How many lines in the records below contain the string "inside"? Answer with the number alone.
*** INFORMATION SUPPLIED ***
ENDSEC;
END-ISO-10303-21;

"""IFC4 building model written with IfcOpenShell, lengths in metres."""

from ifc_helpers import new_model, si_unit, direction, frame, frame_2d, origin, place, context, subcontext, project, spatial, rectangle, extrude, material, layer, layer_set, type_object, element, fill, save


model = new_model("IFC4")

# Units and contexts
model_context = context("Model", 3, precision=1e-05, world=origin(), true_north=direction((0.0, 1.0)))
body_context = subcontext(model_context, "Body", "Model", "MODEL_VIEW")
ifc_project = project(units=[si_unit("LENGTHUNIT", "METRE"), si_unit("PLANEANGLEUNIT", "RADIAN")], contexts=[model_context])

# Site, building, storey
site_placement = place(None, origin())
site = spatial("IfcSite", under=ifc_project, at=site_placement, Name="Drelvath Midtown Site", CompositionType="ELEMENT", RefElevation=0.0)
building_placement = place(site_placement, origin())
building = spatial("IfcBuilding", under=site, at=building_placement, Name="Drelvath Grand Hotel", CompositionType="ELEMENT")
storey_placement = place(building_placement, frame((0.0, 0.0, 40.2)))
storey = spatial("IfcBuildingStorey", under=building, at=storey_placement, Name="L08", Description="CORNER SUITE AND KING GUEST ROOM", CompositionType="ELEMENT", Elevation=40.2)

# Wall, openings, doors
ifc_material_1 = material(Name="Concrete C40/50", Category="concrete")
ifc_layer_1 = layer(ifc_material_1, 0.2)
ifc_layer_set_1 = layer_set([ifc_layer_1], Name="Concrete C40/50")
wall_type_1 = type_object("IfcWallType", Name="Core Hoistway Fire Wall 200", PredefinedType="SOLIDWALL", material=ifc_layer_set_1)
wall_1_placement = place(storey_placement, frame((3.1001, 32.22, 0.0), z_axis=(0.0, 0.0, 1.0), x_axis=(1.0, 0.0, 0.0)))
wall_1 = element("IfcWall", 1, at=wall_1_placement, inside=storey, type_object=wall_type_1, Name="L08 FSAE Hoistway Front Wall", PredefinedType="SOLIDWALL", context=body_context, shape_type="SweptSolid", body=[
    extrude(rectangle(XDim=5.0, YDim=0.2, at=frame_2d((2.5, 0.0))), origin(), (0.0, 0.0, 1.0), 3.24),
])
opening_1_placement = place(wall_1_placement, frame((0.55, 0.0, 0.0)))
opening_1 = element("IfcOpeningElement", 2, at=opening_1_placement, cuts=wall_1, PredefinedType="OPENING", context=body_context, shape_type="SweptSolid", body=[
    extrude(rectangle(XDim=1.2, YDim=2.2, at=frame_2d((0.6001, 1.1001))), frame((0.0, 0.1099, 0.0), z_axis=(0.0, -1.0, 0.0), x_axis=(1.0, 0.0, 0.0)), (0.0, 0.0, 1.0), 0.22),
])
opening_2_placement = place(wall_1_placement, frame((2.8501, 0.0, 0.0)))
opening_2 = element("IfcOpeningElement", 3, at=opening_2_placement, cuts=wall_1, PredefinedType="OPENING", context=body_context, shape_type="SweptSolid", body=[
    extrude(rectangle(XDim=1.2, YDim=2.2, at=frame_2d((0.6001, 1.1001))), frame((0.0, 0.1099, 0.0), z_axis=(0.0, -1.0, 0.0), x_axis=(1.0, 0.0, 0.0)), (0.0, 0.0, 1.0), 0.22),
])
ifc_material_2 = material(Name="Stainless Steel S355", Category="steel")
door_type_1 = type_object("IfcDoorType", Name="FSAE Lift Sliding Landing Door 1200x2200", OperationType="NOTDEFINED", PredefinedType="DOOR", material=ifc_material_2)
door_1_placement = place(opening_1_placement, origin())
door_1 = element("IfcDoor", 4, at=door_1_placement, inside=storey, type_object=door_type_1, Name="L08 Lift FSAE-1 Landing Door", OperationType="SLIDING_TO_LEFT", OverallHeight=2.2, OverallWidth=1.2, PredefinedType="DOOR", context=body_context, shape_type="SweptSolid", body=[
*** End of INFORMATION SUPPLIED ***
§ **WRITTEN ANSWER**: 2